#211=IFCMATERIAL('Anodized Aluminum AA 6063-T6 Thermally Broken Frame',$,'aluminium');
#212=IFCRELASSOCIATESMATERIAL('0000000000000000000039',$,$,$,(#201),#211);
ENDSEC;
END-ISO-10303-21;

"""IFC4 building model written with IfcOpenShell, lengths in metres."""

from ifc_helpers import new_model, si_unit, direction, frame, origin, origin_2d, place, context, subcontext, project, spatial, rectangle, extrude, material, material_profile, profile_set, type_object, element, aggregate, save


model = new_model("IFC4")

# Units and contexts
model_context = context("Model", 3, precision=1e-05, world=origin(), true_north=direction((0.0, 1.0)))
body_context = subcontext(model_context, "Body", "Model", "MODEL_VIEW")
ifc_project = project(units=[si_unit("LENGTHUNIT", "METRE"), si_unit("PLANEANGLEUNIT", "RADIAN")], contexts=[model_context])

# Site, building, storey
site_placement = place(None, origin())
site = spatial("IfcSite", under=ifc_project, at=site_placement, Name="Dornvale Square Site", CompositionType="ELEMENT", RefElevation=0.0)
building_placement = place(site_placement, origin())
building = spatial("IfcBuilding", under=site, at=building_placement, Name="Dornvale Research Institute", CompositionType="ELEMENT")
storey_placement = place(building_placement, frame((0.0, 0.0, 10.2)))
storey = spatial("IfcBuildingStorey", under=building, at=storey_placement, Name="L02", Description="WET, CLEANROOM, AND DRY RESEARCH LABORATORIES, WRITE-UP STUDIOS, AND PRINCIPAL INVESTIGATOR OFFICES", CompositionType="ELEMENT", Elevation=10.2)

■ ■ ■ ■ ■

The material is to be given again in full and without variation.

#211=IFCMATERIAL('Anodized Aluminum AA 6063-T6 Thermally Broken Frame',$,'aluminium');
#212=IFCRELASSOCIATESMATERIAL('0000000000000000000039',$,$,$,(#201),#211);
ENDSEC;
END-ISO-10303-21;

"""IFC4 building model written with IfcOpenShell, lengths in metres."""

from ifc_helpers import new_model, si_unit, direction, frame, origin, origin_2d, place, context, subcontext, project, spatial, rectangle, extrude, material, material_profile, profile_set, type_object, element, aggregate, save


model = new_model("IFC4")

# Units and contexts
model_context = context("Model", 3, precision=1e-05, world=origin(), true_north=direction((0.0, 1.0)))
body_context = subcontext(model_context, "Body", "Model", "MODEL_VIEW")
ifc_project = project(units=[si_unit("LENGTHUNIT", "METRE"), si_unit("PLANEANGLEUNIT", "RADIAN")], contexts=[model_context])

# Site, building, storey
site_placement = place(None, origin())
site = spatial("IfcSite", under=ifc_project, at=site_placement, Name="Dornvale Square Site", CompositionType="ELEMENT", RefElevation=0.0)
building_placement = place(site_placement, origin())
building = spatial("IfcBuilding", under=site, at=building_placement, Name="Dornvale Research Institute", CompositionType="ELEMENT")
storey_placement = place(building_placement, frame((0.0, 0.0, 10.2)))
storey = spatial("IfcBuildingStorey", under=building, at=storey_placement, Name="L02", Description="WET, CLEANROOM, AND DRY RESEARCH LABORATORIES, WRITE-UP STUDIOS, AND PRINCIPAL INVESTIGATOR OFFICES", CompositionType="ELEMENT", Elevation=10.2)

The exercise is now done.